_Task details_
Copy all the lines of the data that include the word "IFCRELAGGREGATES".

[Stored data entries]
##############################

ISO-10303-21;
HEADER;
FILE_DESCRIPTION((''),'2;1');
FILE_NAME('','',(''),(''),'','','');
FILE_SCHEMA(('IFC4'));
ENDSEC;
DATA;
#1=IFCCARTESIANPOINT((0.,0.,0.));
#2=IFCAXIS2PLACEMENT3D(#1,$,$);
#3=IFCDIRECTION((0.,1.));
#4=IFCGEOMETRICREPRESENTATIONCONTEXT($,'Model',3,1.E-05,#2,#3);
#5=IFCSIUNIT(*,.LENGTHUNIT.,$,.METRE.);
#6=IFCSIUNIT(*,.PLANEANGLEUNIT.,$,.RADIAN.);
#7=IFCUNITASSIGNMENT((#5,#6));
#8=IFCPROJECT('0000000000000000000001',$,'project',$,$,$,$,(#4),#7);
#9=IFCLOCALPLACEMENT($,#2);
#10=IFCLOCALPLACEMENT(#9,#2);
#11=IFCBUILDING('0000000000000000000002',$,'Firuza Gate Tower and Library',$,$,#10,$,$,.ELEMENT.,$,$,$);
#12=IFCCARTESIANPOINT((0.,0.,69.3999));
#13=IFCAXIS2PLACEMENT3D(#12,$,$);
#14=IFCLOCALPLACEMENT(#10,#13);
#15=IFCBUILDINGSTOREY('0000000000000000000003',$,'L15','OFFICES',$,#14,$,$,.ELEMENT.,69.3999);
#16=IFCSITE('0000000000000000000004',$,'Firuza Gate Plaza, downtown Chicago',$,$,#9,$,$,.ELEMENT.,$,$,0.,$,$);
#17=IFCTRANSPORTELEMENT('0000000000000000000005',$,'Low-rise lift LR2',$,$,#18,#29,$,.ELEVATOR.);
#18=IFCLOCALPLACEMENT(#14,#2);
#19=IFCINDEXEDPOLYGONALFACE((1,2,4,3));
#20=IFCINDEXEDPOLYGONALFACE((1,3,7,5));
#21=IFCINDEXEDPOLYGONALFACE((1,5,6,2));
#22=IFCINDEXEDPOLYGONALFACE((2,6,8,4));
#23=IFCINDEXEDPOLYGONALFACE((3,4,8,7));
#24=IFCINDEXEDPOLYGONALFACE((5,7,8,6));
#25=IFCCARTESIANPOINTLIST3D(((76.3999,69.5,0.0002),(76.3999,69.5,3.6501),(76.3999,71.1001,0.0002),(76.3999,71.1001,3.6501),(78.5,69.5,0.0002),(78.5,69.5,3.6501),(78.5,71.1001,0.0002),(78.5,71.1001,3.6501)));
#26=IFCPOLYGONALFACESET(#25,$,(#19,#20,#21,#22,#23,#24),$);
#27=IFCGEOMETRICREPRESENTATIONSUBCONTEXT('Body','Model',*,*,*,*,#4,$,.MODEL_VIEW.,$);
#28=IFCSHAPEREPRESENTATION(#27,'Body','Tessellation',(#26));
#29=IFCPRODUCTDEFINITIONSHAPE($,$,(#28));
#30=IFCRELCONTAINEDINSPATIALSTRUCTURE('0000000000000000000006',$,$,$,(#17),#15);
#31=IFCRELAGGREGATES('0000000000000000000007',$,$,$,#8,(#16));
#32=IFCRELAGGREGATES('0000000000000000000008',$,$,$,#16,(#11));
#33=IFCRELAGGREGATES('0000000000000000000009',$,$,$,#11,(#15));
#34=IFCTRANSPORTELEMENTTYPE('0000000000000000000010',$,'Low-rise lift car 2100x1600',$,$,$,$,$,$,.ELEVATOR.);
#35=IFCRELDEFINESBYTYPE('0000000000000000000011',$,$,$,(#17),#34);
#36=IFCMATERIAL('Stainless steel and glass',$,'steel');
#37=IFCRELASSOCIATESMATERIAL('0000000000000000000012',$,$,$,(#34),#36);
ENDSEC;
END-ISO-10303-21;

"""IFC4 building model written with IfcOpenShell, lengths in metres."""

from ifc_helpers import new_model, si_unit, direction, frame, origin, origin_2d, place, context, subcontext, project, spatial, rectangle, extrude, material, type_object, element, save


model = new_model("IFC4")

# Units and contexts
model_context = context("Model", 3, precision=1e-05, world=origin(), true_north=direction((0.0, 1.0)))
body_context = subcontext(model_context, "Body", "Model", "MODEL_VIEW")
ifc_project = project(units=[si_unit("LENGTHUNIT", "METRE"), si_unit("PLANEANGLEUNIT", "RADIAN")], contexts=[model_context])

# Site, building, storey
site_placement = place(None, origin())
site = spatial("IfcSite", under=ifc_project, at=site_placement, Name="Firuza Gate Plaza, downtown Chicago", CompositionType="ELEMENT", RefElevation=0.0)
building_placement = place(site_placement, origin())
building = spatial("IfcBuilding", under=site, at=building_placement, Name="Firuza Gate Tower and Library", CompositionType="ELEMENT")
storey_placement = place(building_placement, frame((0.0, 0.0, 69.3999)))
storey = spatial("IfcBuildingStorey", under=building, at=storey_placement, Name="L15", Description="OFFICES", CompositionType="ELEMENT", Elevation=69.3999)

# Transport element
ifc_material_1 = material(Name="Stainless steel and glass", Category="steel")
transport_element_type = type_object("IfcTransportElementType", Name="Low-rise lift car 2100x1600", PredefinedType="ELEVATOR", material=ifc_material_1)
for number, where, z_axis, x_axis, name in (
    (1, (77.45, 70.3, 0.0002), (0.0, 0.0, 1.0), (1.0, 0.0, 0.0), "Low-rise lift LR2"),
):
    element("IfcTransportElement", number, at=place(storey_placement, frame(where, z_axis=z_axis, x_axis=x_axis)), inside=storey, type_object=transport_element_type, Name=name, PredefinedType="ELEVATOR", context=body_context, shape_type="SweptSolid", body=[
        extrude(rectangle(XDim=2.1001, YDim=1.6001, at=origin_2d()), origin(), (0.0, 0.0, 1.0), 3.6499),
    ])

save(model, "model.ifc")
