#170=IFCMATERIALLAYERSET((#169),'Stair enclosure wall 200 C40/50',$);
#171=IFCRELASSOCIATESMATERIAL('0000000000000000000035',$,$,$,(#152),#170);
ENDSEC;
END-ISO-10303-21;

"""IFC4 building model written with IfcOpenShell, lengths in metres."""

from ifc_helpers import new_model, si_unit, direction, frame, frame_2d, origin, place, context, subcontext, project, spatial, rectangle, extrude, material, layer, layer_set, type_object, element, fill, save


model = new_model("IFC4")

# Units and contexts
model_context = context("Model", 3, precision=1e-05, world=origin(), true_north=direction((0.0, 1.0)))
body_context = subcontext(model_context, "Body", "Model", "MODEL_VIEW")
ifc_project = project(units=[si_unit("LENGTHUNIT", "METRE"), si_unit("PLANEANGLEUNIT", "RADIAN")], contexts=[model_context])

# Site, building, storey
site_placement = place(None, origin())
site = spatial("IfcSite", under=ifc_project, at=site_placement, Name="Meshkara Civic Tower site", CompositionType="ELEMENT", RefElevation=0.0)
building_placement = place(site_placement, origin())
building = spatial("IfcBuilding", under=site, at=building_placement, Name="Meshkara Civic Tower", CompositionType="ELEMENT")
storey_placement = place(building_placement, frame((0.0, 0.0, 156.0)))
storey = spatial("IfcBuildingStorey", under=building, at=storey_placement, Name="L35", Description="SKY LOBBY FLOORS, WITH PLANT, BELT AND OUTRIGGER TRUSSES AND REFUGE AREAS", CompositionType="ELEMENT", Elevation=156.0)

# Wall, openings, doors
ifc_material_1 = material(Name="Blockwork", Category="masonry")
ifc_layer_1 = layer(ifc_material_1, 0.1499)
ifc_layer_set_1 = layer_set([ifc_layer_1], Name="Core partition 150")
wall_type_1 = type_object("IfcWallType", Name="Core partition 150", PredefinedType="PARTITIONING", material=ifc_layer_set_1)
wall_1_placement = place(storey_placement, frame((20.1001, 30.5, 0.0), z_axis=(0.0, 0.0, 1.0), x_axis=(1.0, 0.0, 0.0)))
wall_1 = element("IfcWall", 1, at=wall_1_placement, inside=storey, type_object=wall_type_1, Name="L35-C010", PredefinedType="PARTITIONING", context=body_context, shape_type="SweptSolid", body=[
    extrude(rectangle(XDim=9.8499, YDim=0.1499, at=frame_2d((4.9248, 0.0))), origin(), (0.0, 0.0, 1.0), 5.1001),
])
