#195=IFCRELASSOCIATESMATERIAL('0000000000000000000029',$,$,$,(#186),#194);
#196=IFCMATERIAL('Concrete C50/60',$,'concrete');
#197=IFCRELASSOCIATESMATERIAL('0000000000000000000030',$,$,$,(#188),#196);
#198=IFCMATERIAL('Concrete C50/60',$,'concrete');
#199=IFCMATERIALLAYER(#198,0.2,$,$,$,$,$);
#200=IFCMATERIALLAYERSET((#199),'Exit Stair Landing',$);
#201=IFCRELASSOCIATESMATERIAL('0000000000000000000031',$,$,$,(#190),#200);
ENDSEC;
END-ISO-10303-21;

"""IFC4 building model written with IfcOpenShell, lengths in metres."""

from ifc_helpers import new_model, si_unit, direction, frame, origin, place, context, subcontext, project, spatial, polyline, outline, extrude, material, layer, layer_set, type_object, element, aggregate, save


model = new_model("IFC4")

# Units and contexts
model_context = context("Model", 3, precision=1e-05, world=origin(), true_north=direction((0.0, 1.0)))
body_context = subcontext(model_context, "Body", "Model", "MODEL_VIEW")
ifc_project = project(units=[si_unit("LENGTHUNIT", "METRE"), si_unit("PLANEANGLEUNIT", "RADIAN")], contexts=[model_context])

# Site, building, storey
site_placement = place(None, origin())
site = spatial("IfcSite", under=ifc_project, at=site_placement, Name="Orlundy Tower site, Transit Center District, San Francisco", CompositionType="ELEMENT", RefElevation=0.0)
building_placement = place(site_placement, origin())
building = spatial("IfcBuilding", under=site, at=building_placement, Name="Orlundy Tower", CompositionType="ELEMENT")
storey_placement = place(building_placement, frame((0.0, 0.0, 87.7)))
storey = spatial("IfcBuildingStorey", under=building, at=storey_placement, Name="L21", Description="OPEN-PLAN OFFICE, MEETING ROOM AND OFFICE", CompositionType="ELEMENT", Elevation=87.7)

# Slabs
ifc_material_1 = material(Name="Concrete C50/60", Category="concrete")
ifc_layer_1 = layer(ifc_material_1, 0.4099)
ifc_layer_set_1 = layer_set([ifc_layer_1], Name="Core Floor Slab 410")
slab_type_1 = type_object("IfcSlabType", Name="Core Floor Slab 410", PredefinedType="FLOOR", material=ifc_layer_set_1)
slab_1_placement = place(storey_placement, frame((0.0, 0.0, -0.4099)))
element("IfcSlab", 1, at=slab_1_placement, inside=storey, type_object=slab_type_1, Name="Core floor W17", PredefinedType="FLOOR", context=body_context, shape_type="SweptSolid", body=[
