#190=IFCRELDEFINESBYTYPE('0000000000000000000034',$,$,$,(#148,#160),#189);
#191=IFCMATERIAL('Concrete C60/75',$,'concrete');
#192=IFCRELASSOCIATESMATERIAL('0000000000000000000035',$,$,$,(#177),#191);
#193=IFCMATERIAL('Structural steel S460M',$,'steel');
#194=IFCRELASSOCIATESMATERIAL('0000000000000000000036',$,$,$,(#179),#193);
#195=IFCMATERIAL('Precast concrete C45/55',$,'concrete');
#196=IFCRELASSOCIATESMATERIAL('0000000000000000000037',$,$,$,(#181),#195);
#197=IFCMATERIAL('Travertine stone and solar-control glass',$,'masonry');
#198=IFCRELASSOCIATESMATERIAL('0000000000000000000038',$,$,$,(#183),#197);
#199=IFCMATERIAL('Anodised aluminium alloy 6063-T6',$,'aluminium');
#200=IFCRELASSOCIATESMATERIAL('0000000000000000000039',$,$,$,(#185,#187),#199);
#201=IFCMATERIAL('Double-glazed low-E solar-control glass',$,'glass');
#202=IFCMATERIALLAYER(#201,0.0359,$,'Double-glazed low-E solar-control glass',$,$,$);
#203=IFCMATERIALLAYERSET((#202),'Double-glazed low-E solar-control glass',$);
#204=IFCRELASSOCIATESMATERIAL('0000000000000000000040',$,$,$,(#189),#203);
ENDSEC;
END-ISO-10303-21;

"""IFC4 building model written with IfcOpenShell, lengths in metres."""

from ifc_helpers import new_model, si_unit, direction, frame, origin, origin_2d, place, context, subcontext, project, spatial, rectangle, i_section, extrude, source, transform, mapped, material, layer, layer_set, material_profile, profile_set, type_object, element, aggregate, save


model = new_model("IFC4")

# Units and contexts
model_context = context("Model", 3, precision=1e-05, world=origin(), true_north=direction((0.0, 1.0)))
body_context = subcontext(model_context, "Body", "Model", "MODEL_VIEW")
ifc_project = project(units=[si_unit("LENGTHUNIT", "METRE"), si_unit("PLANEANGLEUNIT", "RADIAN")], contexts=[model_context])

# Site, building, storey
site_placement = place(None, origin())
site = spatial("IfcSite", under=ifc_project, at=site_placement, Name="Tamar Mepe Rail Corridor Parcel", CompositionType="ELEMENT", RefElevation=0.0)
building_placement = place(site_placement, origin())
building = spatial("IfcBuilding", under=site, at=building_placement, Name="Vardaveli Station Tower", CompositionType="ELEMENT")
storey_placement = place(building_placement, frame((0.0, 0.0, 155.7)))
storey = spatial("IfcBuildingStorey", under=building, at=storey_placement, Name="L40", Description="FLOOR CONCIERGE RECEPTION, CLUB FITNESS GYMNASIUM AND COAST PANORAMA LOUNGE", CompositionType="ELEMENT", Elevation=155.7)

##############################

_Task response_
#31=IFCRELAGGREGATES('0000000000000000000007',$,$,$,#8,(#16));
#32=IFCRELAGGREGATES('0000000000000000000008',$,$,$,#16,(#11));
#33=IFCRELAGGREGATES('0000000000000000000009',$,$,$,#11,(#15));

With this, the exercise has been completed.